◆ **Directions for this task**
Among the following entries, count the lines that contain "IFCRELASSOCIATESMATERIAL" and report only the result.

◆ **Information supplied**
★ ★ ★ ★ ★ ★ ★
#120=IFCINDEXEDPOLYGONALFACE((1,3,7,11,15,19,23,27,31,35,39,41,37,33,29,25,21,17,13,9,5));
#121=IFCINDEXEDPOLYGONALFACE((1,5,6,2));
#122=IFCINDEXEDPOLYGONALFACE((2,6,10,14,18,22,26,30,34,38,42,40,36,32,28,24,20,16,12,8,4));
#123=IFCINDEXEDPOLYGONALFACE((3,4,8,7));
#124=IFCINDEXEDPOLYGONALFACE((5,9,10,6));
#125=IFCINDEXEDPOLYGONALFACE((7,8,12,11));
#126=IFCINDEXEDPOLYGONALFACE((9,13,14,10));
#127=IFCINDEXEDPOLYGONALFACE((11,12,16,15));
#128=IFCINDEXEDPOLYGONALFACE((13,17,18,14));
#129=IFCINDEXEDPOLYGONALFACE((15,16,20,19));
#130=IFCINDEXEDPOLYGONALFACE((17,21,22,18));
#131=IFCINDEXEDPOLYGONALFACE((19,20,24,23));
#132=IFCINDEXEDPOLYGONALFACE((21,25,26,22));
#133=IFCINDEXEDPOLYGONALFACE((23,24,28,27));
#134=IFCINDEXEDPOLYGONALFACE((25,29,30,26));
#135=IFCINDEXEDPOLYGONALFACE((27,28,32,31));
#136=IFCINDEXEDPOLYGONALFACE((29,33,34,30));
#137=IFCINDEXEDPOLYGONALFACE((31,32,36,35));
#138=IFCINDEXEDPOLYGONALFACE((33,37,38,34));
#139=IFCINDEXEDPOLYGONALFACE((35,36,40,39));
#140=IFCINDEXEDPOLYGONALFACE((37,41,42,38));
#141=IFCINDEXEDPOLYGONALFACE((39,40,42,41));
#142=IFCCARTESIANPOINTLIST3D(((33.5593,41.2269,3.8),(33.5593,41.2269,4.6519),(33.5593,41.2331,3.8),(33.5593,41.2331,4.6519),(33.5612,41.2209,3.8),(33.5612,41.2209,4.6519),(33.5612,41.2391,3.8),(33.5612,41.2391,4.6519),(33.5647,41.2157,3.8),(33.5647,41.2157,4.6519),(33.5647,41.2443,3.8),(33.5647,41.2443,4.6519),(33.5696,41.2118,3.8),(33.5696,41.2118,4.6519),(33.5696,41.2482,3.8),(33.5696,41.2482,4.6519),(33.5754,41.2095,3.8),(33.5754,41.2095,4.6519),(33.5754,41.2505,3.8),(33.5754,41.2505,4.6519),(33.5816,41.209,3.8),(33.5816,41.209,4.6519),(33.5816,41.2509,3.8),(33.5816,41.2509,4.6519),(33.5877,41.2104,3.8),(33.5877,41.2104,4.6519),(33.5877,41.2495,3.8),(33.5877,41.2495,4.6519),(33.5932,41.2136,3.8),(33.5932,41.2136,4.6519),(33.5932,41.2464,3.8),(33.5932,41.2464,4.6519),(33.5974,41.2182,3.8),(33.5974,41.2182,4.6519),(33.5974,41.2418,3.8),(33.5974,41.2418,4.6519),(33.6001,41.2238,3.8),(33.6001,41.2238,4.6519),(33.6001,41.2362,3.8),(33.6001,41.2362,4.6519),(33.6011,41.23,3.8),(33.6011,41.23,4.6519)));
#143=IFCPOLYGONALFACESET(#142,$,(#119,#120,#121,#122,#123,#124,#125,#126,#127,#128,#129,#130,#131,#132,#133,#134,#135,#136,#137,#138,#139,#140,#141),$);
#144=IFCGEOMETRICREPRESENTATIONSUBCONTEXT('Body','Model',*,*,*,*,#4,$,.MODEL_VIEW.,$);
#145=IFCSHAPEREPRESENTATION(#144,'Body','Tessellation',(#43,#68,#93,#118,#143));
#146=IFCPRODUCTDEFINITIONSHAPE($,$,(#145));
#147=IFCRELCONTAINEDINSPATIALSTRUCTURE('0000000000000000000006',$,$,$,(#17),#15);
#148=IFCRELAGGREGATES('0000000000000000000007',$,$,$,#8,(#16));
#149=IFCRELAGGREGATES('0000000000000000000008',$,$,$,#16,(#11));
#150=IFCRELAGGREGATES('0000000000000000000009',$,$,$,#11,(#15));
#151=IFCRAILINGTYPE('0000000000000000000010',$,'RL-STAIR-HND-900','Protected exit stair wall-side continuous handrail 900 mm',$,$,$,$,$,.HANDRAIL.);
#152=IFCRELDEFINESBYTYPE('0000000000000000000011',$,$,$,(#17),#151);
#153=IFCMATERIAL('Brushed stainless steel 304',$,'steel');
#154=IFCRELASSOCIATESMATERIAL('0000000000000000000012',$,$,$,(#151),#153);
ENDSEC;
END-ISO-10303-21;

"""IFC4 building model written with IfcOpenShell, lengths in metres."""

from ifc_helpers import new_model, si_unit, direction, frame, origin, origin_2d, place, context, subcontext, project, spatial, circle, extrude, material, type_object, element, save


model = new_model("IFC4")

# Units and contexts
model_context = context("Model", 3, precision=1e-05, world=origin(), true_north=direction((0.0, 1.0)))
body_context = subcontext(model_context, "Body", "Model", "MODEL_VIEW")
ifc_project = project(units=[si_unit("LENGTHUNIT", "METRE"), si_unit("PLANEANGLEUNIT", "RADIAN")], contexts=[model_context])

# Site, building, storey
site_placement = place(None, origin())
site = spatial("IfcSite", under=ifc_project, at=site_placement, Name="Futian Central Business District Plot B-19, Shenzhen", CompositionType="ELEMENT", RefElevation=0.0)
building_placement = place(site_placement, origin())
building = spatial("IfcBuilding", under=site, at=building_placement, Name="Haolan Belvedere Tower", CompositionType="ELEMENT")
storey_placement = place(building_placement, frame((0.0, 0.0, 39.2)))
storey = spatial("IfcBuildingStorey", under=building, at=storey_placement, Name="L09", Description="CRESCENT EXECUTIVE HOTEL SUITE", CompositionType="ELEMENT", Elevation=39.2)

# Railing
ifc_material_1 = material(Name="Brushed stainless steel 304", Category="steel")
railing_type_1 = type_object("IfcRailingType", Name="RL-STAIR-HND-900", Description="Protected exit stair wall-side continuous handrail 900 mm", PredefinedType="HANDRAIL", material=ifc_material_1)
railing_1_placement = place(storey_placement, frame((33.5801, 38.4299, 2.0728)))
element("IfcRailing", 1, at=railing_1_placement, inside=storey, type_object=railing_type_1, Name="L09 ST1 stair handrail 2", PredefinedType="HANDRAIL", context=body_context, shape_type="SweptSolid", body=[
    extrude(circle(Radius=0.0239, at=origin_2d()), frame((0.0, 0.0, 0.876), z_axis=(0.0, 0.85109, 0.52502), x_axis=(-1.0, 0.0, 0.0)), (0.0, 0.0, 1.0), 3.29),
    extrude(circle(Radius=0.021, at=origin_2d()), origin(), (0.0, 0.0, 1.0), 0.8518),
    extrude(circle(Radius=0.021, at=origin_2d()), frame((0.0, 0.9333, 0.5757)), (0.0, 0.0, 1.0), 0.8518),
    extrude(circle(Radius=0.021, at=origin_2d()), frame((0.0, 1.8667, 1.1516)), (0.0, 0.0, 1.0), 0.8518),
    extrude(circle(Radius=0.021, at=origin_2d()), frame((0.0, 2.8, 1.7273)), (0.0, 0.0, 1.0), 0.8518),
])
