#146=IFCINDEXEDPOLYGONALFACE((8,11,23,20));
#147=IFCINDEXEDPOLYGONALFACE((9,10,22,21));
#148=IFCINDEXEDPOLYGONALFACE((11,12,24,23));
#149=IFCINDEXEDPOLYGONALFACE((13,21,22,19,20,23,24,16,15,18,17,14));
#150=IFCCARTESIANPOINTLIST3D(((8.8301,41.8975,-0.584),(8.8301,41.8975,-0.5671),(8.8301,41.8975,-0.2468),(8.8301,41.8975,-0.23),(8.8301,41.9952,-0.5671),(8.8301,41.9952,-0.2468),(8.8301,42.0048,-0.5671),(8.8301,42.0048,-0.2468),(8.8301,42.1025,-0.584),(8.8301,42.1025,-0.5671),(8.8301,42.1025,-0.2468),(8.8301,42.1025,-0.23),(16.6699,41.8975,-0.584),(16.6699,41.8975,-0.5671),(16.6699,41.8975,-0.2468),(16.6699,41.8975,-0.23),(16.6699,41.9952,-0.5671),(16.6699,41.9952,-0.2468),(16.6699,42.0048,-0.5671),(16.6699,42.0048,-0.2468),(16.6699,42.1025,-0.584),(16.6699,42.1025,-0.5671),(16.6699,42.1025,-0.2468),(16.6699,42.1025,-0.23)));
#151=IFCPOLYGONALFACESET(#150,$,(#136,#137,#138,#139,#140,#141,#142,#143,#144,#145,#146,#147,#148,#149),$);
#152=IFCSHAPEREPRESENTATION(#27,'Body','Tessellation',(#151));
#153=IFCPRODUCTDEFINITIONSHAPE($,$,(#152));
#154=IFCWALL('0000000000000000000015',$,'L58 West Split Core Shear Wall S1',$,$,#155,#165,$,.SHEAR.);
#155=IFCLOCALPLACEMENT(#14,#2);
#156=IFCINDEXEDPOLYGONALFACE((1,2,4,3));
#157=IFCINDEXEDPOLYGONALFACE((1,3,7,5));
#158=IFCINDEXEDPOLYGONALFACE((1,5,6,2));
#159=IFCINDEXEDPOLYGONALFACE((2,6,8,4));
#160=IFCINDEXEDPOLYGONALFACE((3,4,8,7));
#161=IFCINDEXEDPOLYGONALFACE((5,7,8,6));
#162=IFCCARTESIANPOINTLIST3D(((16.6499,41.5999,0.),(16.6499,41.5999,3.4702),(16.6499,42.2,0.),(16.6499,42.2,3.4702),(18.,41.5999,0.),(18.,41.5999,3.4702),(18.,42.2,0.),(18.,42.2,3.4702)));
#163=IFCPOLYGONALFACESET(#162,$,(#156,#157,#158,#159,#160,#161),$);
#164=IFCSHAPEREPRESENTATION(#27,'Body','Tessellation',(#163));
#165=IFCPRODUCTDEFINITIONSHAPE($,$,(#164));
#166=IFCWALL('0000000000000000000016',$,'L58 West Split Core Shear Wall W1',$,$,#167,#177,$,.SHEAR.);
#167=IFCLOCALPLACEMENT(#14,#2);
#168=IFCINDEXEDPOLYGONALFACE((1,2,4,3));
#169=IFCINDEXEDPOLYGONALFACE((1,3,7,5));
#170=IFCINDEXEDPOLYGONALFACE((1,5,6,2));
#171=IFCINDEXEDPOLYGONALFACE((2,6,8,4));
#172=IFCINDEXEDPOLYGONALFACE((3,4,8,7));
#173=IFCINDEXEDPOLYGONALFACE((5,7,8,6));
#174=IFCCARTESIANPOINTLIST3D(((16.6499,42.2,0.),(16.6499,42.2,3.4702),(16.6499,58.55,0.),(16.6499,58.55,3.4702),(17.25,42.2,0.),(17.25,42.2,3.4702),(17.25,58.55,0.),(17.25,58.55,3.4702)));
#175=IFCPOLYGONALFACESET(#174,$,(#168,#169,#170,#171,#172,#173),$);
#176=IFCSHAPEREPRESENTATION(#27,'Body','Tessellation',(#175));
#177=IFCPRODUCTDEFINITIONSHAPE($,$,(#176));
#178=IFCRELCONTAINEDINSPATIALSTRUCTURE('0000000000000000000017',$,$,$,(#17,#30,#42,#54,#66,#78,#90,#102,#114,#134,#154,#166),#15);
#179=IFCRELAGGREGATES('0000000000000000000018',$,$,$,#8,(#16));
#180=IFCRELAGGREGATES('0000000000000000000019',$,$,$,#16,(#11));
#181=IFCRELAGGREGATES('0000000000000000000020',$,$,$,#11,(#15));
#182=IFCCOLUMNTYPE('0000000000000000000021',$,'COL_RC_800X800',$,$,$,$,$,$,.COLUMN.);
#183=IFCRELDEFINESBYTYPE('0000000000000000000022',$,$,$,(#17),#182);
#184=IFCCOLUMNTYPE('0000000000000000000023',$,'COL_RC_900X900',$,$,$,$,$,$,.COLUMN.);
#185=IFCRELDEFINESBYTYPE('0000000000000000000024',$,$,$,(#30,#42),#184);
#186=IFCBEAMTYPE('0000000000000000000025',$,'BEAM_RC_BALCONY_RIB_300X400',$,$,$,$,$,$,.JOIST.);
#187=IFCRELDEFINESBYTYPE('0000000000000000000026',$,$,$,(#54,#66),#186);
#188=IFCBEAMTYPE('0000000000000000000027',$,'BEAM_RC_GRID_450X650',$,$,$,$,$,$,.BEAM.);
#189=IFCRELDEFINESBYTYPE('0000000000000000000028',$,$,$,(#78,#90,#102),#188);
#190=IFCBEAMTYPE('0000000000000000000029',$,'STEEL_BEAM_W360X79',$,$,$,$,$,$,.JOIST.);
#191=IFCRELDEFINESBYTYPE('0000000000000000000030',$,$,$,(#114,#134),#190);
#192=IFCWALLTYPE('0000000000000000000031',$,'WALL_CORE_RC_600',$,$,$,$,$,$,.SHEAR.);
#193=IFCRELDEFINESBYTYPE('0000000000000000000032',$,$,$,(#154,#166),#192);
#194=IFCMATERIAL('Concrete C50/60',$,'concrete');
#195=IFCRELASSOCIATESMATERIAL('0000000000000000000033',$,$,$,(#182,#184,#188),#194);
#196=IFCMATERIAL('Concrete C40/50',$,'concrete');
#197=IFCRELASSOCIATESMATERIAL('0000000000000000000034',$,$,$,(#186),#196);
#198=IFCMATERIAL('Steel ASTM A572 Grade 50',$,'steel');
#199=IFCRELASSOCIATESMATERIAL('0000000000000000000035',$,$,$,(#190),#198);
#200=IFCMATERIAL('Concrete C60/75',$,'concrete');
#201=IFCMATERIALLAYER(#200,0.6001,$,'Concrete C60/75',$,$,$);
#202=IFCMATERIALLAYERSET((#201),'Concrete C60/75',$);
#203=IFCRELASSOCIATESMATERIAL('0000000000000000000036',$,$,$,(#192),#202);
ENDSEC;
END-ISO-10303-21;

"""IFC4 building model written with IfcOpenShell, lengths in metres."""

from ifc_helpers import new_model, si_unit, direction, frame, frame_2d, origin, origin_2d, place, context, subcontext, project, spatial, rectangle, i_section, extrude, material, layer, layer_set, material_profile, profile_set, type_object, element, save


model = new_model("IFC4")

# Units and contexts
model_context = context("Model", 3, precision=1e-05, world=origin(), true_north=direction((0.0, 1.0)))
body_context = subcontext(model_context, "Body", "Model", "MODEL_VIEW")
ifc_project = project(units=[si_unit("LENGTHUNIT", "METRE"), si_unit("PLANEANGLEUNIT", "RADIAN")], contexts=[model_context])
★ ★ ★ ★ ★ ★ ★
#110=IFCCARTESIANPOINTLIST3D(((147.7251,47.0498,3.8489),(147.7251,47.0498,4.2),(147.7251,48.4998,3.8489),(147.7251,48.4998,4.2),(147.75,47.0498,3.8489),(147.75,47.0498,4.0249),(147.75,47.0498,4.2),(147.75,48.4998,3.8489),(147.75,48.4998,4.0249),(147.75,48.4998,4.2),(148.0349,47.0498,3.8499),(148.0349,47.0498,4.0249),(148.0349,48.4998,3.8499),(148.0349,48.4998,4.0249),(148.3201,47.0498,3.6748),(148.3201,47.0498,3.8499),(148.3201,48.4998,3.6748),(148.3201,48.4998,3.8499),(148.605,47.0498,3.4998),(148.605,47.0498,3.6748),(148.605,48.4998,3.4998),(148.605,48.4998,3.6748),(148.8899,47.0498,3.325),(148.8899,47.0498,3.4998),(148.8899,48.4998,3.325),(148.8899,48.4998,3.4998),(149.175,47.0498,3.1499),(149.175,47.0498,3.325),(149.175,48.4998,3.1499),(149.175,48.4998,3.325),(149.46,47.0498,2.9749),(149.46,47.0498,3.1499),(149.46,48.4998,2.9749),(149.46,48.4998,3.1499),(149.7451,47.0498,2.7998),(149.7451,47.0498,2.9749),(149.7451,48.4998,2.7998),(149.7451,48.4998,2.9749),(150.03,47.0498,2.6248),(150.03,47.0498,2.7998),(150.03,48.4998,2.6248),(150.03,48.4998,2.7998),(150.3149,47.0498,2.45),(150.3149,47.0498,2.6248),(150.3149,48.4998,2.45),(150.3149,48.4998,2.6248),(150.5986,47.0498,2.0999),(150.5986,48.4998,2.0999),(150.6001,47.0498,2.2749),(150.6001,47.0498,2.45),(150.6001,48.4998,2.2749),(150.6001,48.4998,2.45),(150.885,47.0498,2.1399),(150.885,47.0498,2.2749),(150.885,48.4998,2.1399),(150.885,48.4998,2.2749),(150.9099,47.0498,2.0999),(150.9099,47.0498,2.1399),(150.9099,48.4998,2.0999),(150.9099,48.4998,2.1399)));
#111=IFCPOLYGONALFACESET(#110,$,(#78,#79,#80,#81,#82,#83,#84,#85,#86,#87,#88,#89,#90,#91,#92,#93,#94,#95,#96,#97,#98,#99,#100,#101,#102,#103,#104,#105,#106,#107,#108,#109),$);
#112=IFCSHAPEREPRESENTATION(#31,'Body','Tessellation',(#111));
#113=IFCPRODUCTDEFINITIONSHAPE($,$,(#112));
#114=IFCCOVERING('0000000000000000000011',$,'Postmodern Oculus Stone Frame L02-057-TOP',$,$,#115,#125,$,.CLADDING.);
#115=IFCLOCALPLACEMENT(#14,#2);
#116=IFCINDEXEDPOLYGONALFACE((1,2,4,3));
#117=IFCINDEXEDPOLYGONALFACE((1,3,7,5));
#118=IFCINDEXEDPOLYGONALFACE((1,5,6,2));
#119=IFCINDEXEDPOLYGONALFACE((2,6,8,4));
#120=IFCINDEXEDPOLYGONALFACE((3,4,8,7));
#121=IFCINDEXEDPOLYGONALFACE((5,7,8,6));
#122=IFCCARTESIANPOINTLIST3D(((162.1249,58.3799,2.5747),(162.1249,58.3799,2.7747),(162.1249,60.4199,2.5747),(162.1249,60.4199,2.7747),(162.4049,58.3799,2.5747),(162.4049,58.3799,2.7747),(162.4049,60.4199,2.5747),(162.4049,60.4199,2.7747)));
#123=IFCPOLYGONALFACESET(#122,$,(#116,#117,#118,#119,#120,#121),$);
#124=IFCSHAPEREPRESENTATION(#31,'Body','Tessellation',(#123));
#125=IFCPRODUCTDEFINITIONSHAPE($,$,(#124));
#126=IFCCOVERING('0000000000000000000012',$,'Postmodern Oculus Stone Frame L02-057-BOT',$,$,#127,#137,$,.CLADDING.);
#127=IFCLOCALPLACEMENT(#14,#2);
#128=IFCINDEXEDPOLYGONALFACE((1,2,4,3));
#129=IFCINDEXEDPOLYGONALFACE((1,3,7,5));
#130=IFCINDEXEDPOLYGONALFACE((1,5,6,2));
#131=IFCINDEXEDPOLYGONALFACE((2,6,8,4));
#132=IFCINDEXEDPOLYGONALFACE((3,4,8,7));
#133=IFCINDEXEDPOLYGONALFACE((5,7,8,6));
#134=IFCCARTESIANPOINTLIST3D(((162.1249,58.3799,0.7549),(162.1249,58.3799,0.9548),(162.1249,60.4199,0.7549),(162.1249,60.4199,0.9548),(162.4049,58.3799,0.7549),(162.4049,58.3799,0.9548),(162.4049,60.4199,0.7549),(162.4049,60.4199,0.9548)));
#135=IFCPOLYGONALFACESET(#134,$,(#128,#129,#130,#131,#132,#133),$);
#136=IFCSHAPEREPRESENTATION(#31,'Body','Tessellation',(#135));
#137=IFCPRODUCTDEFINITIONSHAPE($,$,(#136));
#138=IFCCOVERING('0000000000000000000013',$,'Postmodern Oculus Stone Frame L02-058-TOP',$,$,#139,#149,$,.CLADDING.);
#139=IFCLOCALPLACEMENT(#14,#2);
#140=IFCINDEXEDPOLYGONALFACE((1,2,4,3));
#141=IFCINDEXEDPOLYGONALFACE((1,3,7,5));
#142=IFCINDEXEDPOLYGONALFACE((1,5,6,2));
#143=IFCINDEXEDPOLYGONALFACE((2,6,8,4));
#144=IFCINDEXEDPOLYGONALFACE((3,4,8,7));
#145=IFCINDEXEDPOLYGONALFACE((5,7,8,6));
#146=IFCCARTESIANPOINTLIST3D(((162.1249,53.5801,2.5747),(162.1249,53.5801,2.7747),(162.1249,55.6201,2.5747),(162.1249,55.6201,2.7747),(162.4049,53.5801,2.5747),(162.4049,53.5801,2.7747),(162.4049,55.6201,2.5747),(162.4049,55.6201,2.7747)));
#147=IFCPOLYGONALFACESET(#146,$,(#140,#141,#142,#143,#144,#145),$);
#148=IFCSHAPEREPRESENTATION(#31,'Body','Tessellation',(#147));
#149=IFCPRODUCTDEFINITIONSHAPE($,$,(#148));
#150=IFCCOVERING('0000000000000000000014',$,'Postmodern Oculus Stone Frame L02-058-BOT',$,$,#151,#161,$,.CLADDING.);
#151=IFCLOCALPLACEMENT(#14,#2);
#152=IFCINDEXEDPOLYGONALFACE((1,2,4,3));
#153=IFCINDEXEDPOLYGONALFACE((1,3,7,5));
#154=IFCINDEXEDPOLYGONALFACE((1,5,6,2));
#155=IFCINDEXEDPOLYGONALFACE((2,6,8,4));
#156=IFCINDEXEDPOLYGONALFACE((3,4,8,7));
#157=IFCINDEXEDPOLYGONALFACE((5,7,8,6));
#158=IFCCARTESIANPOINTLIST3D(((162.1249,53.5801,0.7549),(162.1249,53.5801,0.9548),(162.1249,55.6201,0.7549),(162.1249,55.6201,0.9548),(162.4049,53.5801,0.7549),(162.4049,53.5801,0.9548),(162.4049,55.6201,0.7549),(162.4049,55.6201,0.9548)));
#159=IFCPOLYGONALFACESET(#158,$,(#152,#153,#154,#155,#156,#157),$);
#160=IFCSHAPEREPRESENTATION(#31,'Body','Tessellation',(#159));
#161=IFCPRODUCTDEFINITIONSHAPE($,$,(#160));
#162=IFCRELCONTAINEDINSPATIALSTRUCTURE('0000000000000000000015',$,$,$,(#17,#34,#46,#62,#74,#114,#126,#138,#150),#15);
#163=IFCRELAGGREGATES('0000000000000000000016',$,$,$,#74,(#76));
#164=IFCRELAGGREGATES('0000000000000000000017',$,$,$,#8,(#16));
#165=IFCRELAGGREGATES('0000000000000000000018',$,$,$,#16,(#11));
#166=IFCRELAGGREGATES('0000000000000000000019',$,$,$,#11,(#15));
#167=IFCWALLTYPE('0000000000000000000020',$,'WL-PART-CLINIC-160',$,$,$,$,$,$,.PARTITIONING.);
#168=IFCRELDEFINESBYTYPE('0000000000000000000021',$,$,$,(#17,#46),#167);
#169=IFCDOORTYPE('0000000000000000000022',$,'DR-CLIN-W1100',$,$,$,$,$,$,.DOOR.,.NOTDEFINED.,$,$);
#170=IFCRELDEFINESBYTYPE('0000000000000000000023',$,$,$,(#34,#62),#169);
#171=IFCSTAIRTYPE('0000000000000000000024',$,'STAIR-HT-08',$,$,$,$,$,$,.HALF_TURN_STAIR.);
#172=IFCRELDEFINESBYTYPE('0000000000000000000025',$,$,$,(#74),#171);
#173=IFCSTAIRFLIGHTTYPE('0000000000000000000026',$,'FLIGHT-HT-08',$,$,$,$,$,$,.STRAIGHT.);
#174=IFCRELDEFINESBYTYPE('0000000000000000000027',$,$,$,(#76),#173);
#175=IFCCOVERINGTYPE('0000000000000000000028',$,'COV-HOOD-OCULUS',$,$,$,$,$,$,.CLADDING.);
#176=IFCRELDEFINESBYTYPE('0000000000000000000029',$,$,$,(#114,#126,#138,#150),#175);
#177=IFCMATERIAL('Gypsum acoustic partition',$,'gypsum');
★ ★ ★ ★ ★ ★ ★
◆ **Response to the exercise**
5